:: TASK DATA ::

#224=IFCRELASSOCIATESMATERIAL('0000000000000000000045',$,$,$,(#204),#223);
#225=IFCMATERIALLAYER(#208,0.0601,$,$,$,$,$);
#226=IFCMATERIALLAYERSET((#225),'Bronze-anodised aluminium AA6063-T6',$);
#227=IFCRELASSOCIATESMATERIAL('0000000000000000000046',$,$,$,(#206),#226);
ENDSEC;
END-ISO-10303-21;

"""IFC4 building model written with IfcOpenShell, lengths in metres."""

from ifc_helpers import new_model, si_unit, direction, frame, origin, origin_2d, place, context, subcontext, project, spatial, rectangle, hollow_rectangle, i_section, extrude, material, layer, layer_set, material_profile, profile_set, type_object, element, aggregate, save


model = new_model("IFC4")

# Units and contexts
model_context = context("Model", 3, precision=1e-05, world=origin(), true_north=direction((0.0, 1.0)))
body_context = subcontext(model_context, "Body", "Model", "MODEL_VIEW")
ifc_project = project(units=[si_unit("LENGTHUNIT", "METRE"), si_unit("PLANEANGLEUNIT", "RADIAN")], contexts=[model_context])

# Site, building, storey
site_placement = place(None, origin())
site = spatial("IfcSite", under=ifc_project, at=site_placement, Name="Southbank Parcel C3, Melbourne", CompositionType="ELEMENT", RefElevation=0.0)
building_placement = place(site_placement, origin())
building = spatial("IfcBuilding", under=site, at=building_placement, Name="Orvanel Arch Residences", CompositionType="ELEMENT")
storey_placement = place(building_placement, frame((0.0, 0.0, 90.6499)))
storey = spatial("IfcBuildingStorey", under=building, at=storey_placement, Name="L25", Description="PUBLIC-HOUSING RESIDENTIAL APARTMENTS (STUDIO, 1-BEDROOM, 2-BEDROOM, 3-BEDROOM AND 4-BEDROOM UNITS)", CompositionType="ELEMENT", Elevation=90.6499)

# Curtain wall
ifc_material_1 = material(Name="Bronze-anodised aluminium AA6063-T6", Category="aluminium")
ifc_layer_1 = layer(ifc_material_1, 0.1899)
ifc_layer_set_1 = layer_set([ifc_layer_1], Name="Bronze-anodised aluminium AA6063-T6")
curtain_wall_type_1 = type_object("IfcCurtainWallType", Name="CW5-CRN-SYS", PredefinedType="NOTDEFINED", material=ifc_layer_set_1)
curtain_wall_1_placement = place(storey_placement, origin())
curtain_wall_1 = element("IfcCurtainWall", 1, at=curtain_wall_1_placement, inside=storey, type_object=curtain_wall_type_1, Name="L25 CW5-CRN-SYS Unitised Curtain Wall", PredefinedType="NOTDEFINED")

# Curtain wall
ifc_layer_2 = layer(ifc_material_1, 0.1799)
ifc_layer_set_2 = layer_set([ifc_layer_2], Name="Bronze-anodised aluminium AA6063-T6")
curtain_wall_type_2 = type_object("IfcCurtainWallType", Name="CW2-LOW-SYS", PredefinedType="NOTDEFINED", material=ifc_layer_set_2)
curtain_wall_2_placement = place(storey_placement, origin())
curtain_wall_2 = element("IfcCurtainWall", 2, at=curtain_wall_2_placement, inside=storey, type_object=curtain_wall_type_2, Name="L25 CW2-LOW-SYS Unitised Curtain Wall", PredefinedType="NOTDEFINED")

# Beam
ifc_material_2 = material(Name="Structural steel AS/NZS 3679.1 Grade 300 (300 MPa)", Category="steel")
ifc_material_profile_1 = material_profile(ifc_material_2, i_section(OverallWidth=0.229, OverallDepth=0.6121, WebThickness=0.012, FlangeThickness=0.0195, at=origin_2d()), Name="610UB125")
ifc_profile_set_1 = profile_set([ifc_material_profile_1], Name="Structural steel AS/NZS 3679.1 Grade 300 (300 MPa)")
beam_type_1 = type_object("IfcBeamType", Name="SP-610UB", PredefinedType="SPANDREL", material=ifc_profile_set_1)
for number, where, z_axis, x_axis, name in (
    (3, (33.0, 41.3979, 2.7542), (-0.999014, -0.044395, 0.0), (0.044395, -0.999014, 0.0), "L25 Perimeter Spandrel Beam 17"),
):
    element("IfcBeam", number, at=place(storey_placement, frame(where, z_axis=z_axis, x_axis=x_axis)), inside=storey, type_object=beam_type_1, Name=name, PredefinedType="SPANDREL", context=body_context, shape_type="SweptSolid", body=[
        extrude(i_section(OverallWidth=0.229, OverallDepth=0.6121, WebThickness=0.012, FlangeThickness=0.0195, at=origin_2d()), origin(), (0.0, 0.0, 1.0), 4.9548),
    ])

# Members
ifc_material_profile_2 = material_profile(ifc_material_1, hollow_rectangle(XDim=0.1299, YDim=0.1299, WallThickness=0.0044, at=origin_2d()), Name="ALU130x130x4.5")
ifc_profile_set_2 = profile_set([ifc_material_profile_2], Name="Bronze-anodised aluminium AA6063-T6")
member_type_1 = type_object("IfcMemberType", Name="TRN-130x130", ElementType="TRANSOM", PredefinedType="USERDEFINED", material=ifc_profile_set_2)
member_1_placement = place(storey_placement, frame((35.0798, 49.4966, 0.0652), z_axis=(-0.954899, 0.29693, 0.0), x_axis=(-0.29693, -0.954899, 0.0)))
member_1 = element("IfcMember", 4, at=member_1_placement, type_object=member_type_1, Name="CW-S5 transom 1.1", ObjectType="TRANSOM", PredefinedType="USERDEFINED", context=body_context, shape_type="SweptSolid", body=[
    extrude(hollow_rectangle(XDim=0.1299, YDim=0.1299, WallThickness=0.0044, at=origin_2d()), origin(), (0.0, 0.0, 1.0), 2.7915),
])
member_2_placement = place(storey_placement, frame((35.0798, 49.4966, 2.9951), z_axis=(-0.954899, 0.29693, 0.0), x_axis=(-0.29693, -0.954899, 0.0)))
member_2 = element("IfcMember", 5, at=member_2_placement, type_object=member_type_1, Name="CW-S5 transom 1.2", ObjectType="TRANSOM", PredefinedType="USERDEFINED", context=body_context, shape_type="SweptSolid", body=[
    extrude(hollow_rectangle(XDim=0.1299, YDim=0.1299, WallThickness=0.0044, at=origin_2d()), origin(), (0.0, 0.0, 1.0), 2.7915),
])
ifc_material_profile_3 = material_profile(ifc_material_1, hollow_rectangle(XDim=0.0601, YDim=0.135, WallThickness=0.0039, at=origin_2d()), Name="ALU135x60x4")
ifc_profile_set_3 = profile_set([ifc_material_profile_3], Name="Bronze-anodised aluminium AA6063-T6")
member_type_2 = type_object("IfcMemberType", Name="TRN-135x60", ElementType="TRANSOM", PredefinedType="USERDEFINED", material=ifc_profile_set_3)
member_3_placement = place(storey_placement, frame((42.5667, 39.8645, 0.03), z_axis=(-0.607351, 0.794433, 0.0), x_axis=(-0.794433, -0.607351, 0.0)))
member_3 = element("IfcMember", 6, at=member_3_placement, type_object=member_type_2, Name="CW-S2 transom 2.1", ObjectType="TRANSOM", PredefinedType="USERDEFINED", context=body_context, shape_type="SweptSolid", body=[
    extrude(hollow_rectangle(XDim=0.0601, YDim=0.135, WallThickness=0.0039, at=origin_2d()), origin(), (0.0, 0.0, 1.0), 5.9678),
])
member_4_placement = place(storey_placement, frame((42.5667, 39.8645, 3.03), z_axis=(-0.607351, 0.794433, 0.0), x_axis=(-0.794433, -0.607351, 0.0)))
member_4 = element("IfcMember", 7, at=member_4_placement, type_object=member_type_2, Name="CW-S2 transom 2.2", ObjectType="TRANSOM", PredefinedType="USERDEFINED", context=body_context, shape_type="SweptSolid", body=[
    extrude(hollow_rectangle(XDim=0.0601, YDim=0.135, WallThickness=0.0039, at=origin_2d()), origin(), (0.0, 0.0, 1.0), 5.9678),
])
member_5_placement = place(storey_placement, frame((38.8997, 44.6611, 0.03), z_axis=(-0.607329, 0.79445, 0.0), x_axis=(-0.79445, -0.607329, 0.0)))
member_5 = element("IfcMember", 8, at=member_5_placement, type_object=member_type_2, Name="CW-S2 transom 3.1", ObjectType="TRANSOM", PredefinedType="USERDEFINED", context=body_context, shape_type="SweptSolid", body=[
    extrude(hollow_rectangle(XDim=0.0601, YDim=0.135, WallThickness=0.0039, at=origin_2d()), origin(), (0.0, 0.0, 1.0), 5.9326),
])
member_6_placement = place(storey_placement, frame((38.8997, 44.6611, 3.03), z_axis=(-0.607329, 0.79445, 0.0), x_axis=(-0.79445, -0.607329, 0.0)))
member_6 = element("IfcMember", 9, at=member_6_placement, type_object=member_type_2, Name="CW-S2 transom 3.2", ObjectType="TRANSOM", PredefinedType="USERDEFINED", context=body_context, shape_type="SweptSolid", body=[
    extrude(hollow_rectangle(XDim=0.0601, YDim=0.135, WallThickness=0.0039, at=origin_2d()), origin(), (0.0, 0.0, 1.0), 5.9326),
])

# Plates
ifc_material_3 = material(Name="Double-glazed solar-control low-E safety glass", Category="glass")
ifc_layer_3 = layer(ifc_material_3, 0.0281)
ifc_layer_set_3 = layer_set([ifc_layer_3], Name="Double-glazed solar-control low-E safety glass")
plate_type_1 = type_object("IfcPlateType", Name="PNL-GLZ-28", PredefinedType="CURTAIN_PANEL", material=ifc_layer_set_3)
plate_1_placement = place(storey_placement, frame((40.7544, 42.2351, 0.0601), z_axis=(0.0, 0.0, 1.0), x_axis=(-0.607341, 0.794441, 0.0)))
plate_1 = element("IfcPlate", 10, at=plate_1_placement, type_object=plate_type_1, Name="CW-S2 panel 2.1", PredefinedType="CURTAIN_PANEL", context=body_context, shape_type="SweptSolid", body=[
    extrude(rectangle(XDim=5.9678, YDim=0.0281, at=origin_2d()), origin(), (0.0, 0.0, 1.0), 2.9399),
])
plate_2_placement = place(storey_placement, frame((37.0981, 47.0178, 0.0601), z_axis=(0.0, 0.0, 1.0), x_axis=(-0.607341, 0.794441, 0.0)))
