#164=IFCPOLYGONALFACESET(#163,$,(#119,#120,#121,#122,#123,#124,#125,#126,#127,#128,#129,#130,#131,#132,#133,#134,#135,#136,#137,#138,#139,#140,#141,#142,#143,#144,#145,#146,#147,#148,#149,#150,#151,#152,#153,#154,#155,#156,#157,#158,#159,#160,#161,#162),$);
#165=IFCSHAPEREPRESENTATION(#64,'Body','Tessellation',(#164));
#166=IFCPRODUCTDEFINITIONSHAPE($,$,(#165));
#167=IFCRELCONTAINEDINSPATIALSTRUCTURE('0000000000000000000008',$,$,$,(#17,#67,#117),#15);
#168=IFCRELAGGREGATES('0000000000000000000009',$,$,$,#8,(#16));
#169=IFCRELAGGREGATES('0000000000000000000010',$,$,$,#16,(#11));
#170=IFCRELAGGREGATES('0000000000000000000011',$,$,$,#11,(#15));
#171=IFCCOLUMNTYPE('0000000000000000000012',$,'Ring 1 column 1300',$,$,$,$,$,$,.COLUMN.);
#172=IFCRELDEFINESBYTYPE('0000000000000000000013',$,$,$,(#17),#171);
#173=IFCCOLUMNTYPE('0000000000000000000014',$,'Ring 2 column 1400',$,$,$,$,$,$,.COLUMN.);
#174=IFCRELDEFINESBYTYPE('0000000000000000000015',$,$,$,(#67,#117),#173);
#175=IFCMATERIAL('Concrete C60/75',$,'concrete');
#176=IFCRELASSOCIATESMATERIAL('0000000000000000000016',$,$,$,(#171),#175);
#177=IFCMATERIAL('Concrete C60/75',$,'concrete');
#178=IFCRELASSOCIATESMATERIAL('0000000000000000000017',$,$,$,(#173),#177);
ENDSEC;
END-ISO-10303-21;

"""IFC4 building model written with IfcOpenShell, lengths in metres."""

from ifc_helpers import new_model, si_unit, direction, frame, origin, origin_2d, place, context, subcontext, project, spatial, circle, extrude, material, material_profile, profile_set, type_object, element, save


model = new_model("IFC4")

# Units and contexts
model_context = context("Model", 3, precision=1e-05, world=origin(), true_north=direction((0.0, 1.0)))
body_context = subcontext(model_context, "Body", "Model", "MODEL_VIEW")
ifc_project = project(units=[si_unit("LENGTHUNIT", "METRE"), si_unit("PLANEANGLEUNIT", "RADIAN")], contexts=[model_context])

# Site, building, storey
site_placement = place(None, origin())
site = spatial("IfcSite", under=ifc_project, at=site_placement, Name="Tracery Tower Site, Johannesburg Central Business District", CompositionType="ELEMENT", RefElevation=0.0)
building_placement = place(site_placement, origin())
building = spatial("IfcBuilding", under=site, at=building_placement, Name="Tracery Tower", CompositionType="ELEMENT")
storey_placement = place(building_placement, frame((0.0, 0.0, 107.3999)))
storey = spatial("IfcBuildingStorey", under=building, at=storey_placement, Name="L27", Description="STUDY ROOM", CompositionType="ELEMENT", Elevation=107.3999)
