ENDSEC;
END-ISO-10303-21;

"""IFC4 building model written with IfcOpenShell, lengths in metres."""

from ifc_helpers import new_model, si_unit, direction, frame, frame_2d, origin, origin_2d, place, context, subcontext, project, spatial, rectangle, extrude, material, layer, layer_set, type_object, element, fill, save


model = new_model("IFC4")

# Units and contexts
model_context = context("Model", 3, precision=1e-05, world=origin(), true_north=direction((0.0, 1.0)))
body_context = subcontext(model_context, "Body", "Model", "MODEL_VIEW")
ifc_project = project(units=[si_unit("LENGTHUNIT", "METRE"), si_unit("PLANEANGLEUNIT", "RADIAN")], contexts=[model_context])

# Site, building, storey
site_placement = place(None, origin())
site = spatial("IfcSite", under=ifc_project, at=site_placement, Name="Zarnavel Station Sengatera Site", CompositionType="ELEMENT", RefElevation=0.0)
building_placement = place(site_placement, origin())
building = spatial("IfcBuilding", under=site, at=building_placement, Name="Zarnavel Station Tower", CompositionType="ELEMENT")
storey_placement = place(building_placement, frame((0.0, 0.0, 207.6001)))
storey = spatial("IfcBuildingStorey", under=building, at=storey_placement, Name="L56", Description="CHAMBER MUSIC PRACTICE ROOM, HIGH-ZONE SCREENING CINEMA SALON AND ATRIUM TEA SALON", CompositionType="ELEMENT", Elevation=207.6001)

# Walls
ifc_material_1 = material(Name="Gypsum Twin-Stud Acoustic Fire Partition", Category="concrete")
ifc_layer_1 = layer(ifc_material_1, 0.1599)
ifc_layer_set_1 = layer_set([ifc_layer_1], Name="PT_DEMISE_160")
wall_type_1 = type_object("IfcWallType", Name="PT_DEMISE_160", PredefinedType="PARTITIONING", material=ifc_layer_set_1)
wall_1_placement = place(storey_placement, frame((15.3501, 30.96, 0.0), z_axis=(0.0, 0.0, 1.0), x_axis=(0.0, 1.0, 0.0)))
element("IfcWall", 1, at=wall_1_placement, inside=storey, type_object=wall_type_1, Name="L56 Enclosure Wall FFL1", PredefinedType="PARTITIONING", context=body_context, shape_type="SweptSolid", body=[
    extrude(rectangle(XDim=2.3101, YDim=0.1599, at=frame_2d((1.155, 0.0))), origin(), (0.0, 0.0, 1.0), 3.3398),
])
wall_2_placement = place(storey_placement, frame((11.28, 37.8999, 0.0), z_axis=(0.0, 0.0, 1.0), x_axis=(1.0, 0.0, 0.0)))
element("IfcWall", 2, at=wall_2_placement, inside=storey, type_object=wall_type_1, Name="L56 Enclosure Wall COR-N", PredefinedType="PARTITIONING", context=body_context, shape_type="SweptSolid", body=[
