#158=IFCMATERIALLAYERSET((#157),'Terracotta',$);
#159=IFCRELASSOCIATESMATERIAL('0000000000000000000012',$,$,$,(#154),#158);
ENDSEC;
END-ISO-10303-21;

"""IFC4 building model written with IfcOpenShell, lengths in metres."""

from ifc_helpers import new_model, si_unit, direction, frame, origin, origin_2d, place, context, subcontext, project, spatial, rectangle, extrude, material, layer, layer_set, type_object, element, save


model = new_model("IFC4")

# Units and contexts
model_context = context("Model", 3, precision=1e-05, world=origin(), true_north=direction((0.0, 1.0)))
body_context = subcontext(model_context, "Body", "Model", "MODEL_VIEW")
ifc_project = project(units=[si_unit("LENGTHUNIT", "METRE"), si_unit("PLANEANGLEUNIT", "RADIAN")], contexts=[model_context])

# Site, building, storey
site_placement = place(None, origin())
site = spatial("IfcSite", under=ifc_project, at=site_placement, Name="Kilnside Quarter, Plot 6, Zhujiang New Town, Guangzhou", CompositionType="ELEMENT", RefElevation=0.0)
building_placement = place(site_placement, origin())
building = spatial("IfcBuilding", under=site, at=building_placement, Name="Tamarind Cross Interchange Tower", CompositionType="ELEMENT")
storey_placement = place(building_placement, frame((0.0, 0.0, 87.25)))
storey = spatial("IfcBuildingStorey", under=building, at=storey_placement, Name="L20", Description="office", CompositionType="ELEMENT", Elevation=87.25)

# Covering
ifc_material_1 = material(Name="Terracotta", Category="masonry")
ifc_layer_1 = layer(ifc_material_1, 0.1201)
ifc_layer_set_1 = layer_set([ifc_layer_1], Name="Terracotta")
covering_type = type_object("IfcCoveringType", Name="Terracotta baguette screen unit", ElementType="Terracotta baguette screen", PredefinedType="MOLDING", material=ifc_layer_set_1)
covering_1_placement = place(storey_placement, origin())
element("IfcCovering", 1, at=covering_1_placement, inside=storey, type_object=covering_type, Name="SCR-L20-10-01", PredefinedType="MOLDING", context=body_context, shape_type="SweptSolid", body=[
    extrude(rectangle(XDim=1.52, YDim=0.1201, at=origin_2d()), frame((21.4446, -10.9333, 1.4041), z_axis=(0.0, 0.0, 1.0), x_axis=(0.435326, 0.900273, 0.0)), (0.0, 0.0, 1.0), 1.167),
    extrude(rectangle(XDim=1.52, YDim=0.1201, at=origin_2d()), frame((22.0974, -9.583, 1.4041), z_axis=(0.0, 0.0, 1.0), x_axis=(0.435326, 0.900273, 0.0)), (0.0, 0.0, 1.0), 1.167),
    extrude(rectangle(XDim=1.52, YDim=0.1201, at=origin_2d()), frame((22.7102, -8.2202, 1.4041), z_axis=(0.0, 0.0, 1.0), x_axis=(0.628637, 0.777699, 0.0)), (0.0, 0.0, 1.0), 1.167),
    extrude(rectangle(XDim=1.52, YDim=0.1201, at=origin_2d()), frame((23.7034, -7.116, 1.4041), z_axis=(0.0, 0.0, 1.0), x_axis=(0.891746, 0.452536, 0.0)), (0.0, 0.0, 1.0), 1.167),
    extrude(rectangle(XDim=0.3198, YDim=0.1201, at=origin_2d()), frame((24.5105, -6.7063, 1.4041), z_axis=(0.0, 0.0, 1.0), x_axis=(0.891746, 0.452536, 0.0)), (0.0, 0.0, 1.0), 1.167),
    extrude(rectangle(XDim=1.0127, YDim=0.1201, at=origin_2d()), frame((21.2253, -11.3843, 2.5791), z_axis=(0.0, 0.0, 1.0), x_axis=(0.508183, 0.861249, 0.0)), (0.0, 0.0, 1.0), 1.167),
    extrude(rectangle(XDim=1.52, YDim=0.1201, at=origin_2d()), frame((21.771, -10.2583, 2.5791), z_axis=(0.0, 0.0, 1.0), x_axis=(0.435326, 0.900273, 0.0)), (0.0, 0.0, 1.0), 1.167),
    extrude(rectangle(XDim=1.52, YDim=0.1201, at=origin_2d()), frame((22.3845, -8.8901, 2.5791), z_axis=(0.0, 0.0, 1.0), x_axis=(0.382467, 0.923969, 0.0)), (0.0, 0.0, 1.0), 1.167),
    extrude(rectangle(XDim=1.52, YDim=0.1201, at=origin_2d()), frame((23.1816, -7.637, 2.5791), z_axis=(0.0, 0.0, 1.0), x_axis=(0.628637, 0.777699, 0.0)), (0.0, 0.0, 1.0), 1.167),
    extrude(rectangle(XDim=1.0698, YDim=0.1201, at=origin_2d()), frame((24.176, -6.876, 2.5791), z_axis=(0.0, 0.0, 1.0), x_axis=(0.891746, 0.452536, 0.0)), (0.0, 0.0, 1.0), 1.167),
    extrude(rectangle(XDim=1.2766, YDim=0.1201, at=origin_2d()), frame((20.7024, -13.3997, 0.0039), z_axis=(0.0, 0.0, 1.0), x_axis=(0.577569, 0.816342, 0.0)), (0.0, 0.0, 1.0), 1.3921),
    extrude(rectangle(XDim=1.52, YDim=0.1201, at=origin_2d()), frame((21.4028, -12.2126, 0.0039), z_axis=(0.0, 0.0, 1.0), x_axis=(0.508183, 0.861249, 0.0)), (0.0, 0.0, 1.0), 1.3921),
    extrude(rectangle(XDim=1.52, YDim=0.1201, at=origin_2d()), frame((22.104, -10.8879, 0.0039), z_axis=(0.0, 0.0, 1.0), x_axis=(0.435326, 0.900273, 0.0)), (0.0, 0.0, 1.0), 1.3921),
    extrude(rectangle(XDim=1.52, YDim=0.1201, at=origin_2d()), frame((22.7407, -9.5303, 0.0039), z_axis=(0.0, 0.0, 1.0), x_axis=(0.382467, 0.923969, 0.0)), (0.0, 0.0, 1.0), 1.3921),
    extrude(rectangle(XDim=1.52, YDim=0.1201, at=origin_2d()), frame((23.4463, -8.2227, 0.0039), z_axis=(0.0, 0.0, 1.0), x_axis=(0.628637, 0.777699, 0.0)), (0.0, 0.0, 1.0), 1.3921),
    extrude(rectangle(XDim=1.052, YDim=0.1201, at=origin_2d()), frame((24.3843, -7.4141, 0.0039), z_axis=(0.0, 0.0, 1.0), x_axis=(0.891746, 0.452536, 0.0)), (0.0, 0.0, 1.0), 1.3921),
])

:::

REQUIREMENT: Where a line of the data contains the string "column", include it in a count, and state that count alone.

RESULT OF THE TASK: 2